**SOURCE DATA:**
===
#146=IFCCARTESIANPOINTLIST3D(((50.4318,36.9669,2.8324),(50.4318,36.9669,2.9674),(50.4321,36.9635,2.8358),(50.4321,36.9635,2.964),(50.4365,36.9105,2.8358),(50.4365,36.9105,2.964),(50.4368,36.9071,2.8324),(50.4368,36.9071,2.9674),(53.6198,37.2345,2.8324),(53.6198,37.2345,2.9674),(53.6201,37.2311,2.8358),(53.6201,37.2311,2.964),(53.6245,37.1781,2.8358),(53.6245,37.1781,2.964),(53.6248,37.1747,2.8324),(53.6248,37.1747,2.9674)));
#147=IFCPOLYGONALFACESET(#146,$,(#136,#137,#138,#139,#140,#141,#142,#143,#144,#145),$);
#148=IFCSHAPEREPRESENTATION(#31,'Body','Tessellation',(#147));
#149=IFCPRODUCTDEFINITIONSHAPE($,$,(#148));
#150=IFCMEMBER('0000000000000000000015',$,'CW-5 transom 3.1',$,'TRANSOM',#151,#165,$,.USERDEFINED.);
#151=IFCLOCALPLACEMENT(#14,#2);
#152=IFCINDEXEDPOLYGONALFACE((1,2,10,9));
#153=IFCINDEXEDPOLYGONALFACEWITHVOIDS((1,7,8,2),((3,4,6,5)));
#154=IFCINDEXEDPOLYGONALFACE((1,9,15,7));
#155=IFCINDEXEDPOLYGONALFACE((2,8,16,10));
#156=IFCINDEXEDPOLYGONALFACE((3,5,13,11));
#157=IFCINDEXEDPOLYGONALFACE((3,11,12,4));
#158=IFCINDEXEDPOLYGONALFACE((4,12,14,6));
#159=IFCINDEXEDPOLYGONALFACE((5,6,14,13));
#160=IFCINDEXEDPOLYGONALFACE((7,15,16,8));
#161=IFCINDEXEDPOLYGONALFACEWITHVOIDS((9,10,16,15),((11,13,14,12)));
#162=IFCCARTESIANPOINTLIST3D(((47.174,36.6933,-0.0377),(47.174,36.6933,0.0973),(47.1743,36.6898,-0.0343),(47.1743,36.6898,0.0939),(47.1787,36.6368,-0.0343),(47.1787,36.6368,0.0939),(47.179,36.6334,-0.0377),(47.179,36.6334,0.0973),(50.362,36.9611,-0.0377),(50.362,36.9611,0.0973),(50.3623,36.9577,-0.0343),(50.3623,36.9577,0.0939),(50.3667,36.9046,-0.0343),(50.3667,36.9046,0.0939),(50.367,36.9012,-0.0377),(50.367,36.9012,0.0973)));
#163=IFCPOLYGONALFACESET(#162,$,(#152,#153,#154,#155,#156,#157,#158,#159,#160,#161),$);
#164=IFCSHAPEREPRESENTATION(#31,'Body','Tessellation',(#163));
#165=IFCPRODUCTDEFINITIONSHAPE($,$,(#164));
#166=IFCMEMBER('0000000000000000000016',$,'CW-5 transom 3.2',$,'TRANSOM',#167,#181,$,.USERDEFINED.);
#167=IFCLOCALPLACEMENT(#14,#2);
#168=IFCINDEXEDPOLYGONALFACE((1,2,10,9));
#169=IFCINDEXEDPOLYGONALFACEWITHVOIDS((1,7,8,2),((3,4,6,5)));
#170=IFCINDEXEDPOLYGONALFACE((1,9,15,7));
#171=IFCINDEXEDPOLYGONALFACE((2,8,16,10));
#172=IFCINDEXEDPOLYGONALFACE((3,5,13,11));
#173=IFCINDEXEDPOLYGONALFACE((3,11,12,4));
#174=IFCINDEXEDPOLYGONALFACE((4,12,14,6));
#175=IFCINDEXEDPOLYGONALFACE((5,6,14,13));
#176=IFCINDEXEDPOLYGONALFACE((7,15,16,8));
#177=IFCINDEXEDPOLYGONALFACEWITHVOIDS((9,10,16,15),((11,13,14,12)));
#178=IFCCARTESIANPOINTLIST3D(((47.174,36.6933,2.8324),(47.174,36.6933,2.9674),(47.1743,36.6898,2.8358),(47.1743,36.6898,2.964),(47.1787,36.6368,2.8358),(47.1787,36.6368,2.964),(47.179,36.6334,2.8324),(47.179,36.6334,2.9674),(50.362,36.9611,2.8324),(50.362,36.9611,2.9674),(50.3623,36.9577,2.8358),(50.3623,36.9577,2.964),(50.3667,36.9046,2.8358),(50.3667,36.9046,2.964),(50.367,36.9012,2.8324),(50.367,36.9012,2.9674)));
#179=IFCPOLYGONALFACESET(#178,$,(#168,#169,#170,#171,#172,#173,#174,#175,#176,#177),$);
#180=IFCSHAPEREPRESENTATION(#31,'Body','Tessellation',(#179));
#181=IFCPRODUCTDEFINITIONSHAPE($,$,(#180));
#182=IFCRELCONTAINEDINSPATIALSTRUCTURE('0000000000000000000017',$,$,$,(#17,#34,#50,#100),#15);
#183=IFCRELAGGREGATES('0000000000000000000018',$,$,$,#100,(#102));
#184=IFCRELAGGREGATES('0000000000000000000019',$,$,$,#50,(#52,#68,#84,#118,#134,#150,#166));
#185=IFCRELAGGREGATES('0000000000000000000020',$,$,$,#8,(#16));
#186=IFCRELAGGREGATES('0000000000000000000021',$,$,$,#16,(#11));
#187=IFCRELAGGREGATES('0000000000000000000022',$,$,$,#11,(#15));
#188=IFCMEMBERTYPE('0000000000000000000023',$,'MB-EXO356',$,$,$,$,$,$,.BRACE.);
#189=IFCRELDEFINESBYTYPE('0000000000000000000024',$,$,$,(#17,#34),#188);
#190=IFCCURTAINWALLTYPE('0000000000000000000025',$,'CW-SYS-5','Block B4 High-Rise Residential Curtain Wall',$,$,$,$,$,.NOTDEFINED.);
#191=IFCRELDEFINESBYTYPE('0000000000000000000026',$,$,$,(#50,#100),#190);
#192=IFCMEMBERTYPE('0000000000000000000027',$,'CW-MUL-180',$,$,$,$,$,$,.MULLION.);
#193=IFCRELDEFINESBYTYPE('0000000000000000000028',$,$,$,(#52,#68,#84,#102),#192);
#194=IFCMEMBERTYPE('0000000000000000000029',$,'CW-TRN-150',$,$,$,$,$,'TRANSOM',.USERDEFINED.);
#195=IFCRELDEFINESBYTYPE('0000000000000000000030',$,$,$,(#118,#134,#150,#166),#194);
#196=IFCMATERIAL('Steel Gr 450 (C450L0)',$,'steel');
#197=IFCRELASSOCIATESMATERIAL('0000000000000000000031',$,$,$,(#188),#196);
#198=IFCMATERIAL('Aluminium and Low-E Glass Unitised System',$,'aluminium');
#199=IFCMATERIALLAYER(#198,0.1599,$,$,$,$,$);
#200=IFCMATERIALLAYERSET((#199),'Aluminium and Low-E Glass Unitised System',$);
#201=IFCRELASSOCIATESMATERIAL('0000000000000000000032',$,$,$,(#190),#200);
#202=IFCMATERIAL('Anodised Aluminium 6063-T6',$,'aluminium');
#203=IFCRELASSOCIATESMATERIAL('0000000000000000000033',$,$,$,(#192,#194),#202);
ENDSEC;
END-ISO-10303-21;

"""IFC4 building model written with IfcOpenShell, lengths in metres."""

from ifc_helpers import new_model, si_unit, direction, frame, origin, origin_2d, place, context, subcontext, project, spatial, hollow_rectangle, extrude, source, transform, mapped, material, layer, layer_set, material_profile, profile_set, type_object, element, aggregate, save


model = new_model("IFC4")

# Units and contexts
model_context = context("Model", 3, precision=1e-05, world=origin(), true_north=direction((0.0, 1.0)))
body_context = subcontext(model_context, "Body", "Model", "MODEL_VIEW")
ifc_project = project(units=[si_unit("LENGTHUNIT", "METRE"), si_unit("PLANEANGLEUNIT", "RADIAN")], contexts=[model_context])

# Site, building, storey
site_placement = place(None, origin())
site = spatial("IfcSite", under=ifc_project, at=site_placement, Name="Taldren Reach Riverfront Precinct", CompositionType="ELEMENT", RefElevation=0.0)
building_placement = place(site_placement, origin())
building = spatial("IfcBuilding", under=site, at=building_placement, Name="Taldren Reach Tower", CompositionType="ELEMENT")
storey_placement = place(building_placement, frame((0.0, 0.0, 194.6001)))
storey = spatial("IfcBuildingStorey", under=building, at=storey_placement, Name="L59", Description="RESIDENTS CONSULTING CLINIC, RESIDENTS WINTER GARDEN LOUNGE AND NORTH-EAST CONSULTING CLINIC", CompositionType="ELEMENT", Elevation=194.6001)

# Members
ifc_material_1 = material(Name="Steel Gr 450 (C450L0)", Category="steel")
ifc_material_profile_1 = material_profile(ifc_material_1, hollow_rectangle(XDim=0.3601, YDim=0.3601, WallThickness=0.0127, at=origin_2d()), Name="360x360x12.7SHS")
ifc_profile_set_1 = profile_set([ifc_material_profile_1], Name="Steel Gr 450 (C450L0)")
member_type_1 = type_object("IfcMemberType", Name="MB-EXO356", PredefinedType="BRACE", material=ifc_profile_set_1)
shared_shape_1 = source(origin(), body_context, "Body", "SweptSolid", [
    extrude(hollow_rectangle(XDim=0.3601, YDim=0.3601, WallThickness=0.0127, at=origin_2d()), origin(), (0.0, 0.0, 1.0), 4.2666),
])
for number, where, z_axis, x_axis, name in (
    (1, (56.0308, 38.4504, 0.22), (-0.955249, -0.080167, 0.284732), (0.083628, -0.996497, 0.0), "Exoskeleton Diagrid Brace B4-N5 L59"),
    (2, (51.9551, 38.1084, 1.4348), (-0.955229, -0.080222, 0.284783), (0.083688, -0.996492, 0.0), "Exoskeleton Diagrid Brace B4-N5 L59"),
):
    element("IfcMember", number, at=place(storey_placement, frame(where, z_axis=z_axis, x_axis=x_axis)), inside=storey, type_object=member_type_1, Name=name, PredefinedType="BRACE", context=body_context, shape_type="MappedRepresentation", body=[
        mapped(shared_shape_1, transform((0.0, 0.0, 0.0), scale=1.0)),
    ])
===
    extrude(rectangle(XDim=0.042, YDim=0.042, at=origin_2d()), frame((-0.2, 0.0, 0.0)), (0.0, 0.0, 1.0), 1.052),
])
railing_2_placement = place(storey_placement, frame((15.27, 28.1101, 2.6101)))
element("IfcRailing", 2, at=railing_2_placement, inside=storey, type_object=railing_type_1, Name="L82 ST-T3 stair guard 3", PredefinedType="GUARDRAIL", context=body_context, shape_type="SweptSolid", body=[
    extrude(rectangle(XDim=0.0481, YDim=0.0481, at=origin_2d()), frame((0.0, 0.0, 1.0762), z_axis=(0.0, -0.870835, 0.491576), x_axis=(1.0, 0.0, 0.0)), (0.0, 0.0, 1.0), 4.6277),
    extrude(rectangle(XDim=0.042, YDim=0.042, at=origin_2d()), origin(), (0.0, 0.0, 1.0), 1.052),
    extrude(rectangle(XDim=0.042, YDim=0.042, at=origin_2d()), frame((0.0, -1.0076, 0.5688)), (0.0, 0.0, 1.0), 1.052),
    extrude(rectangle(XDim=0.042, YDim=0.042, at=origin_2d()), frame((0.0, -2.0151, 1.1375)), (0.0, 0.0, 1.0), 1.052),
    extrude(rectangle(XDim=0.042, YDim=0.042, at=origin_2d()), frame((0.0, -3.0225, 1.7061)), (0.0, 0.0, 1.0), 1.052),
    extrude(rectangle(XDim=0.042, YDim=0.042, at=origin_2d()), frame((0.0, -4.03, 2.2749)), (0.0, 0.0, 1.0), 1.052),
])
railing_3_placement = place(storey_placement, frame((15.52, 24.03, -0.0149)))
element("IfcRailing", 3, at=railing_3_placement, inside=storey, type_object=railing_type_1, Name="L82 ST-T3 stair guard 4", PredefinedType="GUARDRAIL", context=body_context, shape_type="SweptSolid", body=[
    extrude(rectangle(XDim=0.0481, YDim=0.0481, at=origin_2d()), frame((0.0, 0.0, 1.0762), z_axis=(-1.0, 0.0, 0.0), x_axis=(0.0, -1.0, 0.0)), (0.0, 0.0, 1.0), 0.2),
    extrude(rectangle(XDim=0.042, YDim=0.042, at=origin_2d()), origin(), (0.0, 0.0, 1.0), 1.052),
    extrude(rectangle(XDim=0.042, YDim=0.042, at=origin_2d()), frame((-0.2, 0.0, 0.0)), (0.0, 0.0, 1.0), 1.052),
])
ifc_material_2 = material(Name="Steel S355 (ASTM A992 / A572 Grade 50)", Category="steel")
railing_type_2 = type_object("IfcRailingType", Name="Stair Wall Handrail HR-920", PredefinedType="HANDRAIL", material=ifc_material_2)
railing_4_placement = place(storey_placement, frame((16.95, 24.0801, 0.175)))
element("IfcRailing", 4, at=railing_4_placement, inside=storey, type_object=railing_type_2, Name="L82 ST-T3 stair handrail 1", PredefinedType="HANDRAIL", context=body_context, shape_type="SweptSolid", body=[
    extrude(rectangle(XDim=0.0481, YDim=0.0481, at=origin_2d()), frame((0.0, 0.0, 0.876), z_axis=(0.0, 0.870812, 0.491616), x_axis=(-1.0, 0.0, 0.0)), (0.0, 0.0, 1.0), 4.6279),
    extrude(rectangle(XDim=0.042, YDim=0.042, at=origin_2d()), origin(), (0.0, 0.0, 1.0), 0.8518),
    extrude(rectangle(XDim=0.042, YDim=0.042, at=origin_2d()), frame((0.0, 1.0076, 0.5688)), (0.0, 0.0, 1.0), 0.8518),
===
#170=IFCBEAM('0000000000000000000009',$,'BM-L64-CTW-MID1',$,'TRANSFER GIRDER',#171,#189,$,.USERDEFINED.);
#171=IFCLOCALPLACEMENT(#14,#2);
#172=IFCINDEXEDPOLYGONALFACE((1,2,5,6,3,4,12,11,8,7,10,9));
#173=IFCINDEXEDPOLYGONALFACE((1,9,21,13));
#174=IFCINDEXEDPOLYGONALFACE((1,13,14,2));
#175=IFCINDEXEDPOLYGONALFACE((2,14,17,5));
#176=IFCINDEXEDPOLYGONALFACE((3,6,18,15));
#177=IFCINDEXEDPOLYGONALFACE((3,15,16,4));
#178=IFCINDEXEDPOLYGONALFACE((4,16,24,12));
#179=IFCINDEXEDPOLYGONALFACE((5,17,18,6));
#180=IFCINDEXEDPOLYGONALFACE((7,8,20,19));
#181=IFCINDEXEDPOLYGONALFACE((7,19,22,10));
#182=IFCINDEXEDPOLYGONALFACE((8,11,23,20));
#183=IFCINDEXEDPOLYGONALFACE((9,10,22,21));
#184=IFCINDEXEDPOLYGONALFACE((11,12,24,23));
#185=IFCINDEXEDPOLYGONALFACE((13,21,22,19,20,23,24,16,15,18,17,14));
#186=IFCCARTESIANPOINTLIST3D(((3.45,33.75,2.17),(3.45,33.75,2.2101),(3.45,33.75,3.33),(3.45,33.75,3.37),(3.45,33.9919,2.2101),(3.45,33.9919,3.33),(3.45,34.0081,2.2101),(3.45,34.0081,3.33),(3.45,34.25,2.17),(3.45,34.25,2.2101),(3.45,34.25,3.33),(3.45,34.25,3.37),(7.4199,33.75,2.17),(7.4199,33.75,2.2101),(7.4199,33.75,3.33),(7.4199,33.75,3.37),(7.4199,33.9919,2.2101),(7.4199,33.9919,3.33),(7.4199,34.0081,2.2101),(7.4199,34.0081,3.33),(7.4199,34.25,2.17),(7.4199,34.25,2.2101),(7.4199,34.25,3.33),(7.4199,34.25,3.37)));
===
**WHAT YOU WILL DO:**
Copy each line of the records containing the string "guard".

**RESPONSE TO THE EXERCISE:**
element("IfcRailing", 2, at=railing_2_placement, inside=storey, type_object=railing_type_1, Name="L82 ST-T3 stair guard 3", PredefinedType="GUARDRAIL", context=body_context, shape_type="SweptSolid", body=[
element("IfcRailing", 3, at=railing_3_placement, inside=storey, type_object=railing_type_1, Name="L82 ST-T3 stair guard 4", PredefinedType="GUARDRAIL", context=body_context, shape_type="SweptSolid", body=[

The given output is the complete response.